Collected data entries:
....................
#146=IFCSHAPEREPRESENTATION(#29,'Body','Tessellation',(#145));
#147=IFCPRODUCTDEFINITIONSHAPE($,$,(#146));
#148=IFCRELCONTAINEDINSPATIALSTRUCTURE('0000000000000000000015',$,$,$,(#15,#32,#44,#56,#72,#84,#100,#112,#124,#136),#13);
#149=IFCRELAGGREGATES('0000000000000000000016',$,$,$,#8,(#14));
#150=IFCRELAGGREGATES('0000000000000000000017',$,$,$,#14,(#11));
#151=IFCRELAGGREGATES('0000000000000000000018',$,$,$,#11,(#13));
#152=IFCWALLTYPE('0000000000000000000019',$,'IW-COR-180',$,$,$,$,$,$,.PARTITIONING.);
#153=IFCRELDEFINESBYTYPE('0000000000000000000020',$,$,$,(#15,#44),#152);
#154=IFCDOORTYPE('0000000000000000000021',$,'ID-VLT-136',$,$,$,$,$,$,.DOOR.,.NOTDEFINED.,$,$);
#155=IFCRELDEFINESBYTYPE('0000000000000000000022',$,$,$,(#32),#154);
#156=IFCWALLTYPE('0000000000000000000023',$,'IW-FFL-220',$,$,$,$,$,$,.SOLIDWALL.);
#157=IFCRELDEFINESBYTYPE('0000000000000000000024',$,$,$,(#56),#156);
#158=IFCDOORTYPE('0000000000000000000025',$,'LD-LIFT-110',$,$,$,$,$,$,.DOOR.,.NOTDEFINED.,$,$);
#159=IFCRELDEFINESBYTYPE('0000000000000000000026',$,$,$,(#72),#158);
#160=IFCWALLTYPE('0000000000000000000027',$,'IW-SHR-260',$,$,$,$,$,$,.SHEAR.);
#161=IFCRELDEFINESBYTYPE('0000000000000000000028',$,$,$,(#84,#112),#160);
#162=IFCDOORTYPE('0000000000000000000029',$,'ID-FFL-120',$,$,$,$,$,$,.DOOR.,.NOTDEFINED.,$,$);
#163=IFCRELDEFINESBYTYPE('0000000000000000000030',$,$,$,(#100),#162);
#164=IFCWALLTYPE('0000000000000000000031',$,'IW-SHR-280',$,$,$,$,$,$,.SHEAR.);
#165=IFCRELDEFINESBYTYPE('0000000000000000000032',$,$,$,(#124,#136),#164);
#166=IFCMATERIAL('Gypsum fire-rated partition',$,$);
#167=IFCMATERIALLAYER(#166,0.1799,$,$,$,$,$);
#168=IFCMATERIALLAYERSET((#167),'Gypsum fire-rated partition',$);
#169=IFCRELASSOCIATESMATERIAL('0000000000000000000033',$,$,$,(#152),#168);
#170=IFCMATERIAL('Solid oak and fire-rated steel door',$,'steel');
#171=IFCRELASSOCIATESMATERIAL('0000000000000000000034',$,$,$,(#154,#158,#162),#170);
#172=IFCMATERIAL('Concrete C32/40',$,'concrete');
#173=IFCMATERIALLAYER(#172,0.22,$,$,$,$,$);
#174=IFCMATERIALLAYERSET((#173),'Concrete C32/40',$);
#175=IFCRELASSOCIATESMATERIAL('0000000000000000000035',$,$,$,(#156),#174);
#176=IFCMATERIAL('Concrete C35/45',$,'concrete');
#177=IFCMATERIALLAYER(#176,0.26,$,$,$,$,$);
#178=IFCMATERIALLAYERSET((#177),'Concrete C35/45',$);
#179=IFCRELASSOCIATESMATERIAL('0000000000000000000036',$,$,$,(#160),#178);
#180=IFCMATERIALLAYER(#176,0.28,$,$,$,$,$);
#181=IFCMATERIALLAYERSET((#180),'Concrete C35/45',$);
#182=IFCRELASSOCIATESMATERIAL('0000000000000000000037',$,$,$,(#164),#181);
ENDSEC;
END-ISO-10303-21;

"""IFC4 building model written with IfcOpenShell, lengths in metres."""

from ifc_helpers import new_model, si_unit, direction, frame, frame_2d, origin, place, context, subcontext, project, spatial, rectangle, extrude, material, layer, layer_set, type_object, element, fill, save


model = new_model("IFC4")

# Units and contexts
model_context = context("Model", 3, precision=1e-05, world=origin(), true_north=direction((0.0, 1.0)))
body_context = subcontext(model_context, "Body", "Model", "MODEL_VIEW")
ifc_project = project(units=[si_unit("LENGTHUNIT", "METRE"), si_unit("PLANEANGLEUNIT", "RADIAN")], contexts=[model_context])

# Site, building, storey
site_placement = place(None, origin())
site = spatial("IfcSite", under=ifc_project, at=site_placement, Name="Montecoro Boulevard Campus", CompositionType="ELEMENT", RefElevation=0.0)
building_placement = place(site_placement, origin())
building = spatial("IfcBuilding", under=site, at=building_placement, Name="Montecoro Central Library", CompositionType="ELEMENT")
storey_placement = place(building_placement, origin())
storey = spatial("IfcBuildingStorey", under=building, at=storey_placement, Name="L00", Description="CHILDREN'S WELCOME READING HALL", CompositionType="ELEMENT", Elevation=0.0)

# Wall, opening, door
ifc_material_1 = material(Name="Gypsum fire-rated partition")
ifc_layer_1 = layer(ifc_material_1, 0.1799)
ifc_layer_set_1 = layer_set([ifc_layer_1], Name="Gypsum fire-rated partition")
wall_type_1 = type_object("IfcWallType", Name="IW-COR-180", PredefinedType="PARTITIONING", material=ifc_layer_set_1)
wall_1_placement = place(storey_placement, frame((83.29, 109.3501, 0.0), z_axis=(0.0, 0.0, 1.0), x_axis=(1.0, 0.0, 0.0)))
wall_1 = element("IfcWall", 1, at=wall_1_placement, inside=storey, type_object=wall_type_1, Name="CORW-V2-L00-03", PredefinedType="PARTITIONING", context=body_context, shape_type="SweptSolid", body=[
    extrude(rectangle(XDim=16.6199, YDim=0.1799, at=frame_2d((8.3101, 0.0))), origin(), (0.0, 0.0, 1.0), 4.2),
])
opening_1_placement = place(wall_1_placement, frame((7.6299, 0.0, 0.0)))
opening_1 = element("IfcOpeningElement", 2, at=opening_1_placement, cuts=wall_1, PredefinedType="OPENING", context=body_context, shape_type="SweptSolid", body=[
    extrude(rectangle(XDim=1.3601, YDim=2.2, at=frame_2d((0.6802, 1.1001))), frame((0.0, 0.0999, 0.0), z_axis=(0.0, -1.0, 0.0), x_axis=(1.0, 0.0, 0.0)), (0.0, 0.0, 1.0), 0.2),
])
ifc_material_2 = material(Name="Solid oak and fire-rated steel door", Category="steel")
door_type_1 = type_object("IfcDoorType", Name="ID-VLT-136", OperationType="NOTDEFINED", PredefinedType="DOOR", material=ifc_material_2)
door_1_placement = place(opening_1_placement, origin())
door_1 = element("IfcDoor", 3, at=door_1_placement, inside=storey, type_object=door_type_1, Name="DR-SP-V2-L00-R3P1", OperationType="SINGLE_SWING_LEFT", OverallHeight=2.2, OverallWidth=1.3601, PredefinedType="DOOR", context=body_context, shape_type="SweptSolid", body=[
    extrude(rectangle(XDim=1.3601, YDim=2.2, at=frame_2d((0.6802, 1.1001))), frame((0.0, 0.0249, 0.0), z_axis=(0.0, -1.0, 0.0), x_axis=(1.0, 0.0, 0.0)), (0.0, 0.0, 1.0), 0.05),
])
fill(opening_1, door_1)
....................
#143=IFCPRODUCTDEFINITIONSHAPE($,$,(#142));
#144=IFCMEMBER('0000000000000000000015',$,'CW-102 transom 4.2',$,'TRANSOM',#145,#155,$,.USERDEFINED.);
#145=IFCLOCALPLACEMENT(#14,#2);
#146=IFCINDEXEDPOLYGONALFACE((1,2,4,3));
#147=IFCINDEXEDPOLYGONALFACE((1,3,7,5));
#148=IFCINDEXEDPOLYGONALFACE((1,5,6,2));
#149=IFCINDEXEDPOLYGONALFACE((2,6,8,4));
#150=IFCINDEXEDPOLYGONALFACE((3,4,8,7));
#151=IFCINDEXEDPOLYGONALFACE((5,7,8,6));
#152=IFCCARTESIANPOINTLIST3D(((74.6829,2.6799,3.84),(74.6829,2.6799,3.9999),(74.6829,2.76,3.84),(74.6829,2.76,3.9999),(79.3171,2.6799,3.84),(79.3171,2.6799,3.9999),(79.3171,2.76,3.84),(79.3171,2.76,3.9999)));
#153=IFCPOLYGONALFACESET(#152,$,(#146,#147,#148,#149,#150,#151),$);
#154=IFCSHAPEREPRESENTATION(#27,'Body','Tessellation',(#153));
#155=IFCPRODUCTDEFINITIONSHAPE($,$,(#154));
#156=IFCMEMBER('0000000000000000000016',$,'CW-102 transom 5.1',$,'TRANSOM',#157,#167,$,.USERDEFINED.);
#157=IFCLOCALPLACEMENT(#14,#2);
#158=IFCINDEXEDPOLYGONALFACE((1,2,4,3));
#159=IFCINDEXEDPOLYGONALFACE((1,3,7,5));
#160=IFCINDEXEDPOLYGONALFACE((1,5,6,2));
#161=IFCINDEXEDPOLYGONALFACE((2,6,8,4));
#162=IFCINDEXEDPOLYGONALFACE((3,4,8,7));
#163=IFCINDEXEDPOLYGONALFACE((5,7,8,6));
....................
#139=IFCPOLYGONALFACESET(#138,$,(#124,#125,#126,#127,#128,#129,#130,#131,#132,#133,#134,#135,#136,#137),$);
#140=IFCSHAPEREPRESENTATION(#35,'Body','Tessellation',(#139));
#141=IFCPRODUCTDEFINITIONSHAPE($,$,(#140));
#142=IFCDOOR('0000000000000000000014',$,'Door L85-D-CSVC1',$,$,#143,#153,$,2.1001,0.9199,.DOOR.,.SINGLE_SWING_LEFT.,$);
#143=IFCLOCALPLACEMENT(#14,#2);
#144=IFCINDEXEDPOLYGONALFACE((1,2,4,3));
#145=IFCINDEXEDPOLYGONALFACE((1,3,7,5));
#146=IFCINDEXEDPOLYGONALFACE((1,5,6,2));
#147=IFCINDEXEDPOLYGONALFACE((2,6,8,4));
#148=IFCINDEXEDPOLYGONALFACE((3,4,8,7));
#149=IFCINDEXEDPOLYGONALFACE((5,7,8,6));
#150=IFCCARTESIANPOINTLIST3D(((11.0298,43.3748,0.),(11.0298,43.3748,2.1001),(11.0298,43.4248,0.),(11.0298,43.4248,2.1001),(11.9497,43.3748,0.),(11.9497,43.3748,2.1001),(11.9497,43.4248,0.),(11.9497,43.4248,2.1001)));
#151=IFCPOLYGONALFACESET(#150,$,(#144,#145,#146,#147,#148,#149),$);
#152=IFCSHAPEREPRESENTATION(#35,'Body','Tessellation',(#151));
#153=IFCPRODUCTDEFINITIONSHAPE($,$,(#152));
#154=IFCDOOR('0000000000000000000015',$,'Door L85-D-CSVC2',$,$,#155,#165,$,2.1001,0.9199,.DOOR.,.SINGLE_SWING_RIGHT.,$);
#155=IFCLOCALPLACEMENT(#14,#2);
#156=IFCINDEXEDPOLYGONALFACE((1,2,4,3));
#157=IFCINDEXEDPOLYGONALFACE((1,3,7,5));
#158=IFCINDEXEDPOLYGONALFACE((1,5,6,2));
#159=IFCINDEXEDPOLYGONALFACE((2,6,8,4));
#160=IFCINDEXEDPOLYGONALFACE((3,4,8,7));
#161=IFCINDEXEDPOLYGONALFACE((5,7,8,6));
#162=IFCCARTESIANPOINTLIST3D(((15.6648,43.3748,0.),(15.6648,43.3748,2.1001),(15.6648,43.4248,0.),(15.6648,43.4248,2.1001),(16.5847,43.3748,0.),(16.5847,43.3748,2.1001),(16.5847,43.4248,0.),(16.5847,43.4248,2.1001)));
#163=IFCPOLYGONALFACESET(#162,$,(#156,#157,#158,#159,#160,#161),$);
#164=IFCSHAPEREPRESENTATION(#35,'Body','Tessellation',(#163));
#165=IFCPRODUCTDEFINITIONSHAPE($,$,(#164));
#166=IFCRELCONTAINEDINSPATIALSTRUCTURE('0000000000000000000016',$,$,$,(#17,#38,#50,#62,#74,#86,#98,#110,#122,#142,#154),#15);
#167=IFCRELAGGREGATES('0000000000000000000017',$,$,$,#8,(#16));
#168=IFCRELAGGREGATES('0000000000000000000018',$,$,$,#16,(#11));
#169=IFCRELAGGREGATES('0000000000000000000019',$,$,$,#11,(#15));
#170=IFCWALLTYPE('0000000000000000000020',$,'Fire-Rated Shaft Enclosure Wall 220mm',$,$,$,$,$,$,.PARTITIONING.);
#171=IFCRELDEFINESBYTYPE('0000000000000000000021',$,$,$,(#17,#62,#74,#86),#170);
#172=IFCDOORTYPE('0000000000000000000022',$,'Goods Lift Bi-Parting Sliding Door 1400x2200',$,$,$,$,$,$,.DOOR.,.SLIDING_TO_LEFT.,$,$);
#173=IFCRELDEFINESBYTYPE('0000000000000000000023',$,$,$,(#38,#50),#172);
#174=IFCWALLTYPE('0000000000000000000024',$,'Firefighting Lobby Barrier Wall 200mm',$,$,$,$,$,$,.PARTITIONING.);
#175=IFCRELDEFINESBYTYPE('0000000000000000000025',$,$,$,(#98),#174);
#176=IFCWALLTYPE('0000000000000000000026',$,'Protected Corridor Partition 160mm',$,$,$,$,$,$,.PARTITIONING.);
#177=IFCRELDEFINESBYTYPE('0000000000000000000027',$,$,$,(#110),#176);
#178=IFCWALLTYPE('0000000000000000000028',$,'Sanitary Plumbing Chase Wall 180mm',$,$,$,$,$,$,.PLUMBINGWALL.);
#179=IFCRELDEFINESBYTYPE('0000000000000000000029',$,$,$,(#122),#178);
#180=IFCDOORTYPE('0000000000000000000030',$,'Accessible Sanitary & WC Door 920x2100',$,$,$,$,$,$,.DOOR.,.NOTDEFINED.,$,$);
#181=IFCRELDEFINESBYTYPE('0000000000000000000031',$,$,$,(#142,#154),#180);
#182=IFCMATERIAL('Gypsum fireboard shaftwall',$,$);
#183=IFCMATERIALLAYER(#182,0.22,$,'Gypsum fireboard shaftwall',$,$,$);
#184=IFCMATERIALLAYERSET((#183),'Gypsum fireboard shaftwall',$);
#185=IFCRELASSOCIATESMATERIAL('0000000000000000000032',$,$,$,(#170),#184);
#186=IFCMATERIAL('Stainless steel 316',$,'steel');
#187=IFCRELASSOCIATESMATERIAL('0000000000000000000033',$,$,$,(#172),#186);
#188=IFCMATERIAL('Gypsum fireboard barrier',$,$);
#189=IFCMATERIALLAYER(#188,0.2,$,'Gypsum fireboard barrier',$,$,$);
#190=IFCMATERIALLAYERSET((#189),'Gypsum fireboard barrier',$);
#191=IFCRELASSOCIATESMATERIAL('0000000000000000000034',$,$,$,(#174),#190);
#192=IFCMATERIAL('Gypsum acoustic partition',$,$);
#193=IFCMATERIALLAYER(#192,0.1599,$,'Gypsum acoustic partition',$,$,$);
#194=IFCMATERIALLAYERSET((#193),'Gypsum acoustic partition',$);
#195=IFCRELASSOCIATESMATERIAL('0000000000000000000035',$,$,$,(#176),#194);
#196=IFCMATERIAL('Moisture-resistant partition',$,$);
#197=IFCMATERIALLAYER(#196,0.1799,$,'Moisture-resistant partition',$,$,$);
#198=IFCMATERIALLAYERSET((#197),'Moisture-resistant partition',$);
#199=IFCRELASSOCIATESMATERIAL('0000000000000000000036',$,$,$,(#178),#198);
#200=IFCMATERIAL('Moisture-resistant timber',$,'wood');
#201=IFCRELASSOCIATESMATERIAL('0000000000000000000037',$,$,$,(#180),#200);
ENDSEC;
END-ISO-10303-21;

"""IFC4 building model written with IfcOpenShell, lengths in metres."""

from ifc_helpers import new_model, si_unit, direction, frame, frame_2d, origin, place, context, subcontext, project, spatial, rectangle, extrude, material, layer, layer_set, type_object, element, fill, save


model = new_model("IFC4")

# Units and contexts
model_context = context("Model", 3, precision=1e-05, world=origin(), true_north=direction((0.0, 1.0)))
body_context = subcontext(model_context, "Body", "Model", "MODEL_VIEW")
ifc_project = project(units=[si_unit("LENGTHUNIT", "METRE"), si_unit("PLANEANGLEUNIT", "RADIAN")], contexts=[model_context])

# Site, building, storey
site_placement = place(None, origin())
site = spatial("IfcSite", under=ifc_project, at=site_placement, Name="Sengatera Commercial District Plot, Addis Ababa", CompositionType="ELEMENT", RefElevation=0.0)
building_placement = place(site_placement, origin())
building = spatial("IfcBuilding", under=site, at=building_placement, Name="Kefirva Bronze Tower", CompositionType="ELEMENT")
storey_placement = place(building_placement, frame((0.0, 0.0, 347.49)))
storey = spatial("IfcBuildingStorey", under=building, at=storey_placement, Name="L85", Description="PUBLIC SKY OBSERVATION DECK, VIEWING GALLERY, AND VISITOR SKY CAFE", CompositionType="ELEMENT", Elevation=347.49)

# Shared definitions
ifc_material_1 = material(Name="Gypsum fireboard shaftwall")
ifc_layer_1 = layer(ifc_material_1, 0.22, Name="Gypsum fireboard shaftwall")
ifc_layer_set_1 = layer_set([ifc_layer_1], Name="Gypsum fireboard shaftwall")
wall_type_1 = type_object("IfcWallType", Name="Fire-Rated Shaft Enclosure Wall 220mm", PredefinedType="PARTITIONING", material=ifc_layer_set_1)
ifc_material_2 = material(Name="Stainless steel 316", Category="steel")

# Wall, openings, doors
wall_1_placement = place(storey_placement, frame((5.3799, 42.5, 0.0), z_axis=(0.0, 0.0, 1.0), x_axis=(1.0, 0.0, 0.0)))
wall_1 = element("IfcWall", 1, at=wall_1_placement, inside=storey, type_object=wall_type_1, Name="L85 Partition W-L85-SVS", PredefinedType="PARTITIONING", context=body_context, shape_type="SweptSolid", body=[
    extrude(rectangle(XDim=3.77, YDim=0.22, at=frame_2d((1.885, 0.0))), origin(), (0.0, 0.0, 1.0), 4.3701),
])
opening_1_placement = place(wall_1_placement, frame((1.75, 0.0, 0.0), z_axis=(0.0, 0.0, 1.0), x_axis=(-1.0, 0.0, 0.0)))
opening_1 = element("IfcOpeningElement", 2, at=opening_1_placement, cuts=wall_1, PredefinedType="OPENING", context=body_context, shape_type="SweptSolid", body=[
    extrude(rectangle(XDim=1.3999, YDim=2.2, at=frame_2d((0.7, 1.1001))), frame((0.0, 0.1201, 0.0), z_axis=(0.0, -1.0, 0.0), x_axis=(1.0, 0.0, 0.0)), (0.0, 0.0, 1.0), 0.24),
....................
REQUIRED ACTION: In the entries above, the lines between the one holding "#150=IFCINDEXEDPOLYGONALFACE((3,4,8,7));" and the one holding "#163=IFCINDEXEDPOLYGONALFACE((5,7,8,6));", inclusive, are to be printed exactly as written, and those alone.

RESULT OF THIS TASK:
#150=IFCINDEXEDPOLYGONALFACE((3,4,8,7));
#151=IFCINDEXEDPOLYGONALFACE((5,7,8,6));
#152=IFCCARTESIANPOINTLIST3D(((74.6829,2.6799,3.84),(74.6829,2.6799,3.9999),(74.6829,2.76,3.84),(74.6829,2.76,3.9999),(79.3171,2.6799,3.84),(79.3171,2.6799,3.9999),(79.3171,2.76,3.84),(79.3171,2.76,3.9999)));
#153=IFCPOLYGONALFACESET(#152,$,(#146,#147,#148,#149,#150,#151),$);
#154=IFCSHAPEREPRESENTATION(#27,'Body','Tessellation',(#153));
#155=IFCPRODUCTDEFINITIONSHAPE($,$,(#154));
#156=IFCMEMBER('0000000000000000000016',$,'CW-102 transom 5.1',$,'TRANSOM',#157,#167,$,.USERDEFINED.);
#157=IFCLOCALPLACEMENT(#14,#2);
#158=IFCINDEXEDPOLYGONALFACE((1,2,4,3));
#159=IFCINDEXEDPOLYGONALFACE((1,3,7,5));
#160=IFCINDEXEDPOLYGONALFACE((1,5,6,2));
#161=IFCINDEXEDPOLYGONALFACE((2,6,8,4));
#162=IFCINDEXEDPOLYGONALFACE((3,4,8,7));
#163=IFCINDEXEDPOLYGONALFACE((5,7,8,6));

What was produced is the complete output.